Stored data
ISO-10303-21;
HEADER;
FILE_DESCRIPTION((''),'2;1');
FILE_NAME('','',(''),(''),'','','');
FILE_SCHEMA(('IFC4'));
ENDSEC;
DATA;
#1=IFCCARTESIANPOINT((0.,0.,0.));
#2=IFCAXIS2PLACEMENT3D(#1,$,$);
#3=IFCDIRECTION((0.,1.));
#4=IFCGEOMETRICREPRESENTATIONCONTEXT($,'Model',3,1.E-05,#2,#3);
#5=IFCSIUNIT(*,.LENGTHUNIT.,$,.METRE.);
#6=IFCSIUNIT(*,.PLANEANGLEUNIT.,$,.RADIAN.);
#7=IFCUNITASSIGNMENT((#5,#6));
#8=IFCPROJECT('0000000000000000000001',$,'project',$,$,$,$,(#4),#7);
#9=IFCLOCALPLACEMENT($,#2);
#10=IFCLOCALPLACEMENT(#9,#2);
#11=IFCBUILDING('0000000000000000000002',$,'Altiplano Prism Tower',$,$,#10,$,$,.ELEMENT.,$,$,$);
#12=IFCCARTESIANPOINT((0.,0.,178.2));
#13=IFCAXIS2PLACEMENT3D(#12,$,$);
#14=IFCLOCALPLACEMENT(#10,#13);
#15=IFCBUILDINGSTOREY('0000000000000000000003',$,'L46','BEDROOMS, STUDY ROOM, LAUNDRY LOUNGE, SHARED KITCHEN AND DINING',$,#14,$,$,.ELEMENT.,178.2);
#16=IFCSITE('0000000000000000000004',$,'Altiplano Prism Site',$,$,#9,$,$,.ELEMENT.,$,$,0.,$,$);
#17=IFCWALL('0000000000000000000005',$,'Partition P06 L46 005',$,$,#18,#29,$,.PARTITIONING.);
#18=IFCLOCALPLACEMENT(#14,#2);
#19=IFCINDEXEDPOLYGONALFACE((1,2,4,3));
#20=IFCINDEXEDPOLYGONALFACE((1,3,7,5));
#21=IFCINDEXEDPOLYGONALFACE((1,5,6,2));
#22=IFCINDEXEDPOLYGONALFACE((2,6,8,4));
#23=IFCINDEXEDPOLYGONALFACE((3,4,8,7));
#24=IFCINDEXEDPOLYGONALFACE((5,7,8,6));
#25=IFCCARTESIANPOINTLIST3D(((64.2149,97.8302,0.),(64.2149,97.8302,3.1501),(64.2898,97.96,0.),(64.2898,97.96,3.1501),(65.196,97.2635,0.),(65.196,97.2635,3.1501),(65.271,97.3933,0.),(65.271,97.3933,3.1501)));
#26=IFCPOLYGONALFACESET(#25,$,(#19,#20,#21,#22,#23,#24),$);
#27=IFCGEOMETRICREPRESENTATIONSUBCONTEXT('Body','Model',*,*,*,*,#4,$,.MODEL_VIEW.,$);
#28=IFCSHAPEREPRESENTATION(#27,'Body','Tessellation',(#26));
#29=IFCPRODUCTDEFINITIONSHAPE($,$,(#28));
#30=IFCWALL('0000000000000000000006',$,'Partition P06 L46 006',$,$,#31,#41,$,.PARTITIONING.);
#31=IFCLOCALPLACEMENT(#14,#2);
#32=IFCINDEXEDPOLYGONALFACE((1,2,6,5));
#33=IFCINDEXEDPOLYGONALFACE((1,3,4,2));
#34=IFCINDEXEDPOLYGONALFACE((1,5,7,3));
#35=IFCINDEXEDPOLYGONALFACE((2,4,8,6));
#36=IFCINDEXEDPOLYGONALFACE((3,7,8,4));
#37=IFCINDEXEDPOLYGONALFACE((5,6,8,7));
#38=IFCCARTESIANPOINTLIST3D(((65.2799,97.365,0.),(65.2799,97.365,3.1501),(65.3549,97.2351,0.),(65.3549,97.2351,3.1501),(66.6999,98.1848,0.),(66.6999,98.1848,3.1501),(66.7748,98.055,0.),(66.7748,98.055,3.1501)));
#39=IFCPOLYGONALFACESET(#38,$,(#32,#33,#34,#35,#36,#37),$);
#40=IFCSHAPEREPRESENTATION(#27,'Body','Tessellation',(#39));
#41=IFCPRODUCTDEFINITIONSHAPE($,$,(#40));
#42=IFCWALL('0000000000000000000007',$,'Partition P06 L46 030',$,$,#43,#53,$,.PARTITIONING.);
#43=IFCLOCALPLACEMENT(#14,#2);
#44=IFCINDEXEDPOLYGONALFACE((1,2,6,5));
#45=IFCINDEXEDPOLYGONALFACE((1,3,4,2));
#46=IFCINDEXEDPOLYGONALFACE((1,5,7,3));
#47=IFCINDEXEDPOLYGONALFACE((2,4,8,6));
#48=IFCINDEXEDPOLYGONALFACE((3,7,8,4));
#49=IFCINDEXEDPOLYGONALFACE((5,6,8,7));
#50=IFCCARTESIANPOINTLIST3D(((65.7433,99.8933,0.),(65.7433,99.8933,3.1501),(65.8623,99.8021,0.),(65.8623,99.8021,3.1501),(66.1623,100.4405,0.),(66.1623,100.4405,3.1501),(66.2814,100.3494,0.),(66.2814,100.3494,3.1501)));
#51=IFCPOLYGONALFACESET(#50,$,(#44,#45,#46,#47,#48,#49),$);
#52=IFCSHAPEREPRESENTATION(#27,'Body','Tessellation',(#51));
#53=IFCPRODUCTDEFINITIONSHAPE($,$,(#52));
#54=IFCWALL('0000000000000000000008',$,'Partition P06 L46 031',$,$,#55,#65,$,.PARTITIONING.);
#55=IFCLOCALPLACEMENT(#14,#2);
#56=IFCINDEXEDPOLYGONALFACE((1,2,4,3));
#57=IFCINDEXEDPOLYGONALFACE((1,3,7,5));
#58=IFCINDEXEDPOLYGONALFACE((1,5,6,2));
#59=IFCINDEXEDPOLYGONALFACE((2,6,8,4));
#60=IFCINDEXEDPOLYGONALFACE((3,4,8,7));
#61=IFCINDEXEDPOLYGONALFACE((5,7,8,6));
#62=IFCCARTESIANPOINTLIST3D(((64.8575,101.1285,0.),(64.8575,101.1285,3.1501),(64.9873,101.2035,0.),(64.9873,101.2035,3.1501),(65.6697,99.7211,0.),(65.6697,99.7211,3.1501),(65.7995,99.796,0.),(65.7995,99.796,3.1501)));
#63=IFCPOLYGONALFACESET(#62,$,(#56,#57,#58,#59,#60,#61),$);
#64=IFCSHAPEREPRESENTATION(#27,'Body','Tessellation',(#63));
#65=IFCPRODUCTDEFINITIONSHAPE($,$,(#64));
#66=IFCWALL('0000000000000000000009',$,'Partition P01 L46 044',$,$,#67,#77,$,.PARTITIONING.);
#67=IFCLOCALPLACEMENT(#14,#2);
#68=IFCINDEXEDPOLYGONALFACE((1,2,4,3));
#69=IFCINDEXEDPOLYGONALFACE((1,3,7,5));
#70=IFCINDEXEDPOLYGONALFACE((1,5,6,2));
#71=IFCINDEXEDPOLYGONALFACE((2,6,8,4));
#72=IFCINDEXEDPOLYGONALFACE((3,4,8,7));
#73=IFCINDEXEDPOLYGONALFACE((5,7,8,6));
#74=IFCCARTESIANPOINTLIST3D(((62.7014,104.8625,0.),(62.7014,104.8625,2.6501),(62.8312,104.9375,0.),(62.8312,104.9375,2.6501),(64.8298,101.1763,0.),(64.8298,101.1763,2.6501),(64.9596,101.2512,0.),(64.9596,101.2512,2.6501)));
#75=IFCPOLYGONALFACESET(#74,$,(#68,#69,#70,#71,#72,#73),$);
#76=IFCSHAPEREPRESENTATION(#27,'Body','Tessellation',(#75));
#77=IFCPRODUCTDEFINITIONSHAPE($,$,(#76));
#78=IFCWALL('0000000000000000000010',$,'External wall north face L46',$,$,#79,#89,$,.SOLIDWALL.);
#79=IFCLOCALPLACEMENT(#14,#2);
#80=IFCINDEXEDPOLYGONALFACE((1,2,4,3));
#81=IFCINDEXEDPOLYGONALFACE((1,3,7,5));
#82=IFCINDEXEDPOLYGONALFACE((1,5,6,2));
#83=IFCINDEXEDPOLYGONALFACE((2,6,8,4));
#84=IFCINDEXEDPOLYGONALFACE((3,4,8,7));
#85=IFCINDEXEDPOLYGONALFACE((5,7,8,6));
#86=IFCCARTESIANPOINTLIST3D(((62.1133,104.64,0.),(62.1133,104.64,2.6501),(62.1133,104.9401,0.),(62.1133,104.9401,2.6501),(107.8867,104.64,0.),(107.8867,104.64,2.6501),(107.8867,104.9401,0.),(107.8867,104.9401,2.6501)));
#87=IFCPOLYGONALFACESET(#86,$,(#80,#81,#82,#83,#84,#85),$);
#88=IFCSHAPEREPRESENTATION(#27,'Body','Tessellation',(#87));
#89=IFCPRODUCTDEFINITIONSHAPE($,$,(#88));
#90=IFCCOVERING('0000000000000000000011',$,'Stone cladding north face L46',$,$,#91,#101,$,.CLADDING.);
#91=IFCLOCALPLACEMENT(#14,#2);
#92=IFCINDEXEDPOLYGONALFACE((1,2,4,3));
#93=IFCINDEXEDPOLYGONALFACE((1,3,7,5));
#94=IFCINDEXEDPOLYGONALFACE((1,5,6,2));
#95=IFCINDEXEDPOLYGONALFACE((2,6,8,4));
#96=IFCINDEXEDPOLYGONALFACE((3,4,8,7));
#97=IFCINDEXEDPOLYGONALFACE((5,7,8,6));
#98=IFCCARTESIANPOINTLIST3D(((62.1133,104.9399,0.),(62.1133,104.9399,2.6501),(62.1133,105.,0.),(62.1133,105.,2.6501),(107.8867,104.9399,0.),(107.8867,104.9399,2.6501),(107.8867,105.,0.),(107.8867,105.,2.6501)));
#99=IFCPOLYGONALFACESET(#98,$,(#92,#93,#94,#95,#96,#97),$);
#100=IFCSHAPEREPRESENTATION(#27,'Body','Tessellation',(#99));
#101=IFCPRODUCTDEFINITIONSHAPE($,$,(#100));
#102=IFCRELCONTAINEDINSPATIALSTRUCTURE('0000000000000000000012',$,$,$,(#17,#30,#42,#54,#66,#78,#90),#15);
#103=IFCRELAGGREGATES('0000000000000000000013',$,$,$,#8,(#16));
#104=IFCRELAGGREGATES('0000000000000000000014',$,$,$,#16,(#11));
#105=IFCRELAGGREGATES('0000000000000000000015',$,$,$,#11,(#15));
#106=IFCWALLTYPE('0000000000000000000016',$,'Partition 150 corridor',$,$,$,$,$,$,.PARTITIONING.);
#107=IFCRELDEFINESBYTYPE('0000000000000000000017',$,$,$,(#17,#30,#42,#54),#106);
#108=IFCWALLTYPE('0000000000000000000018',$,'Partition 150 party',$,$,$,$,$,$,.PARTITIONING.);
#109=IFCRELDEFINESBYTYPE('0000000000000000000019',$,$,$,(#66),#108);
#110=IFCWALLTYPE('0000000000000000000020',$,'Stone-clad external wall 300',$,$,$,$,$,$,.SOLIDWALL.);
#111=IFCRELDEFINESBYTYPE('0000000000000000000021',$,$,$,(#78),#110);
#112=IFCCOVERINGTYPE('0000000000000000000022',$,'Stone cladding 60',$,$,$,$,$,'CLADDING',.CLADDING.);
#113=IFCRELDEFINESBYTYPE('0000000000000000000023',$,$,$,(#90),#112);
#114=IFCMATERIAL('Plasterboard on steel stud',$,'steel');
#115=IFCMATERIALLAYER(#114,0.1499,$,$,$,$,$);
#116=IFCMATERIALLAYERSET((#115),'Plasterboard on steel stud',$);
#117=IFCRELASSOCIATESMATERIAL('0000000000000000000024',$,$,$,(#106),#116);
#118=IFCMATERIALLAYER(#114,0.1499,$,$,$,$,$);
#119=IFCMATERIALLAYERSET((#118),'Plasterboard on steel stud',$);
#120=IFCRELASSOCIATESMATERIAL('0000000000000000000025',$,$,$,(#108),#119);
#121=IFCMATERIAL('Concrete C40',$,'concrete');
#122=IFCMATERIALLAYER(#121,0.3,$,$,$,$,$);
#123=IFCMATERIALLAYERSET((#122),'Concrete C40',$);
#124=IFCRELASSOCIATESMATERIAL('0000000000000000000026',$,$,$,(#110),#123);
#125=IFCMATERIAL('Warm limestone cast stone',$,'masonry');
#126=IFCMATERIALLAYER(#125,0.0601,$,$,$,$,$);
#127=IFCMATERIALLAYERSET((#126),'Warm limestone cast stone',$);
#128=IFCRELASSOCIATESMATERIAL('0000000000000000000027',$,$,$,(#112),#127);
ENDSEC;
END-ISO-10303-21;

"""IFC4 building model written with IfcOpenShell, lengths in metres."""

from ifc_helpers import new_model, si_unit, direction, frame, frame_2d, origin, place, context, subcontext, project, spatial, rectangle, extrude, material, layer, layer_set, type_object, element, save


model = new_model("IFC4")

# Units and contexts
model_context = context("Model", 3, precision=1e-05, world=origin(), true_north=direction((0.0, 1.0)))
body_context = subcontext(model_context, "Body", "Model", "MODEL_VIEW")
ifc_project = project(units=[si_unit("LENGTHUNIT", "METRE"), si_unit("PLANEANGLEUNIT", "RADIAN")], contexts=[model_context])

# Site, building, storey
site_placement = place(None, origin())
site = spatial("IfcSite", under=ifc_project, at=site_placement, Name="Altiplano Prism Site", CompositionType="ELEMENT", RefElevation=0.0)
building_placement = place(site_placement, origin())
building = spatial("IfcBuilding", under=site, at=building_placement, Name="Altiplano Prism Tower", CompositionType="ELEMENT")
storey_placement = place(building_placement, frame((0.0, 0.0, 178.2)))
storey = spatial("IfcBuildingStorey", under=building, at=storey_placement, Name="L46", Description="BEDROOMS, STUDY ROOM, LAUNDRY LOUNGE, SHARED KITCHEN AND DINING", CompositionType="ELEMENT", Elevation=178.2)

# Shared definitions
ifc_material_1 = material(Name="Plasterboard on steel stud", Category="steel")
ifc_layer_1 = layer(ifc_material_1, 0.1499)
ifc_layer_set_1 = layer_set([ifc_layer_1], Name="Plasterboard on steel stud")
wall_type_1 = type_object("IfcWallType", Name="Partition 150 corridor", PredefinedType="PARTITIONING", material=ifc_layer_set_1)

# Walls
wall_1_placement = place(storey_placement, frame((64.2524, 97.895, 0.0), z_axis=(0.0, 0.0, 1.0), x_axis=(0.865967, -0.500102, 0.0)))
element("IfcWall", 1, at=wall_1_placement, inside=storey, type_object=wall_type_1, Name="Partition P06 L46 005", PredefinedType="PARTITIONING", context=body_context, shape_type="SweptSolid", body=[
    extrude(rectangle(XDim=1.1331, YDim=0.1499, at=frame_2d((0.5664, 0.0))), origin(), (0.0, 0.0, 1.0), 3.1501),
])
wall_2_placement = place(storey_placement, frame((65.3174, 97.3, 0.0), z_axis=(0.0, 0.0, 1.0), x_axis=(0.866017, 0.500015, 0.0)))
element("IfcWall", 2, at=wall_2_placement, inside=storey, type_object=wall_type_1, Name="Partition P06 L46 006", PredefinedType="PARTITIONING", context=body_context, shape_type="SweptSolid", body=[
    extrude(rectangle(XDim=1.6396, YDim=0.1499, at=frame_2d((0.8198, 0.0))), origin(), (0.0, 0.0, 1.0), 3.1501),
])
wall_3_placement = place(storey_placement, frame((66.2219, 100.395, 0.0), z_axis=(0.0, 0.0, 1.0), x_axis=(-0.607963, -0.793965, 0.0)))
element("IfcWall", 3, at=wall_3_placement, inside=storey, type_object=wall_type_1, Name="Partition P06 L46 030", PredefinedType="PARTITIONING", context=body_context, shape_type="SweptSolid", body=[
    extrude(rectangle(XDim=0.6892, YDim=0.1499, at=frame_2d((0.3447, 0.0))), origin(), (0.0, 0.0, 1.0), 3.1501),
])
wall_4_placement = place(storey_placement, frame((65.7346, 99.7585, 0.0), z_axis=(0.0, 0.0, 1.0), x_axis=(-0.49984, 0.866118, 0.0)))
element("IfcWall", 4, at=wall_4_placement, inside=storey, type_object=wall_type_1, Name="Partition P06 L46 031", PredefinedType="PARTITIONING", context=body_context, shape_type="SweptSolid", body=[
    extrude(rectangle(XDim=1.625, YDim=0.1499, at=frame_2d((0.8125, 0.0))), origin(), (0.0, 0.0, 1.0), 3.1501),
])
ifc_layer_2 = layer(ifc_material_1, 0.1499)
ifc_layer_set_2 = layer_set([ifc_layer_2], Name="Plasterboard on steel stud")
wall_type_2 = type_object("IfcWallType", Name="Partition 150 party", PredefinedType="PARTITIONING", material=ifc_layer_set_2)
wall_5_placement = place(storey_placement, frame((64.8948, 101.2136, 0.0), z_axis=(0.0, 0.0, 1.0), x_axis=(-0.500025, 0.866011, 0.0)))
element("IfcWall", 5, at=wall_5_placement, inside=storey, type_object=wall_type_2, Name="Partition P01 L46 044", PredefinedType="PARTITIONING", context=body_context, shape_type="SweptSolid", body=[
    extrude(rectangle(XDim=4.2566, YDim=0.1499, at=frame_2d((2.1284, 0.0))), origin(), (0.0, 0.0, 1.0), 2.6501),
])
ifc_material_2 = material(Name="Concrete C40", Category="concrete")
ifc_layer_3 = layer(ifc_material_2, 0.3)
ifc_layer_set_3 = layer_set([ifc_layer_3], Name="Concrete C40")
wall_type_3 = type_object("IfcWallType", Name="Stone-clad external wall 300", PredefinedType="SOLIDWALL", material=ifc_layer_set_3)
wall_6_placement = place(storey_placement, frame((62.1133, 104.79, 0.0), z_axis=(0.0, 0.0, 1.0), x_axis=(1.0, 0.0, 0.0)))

→ **EXERCISE OBJECTIVE**: Using the entries, count how many lines contain the string "IFCRELAGGREGATES". Write only the number.

→ **SOLVED PROBLEM**: 3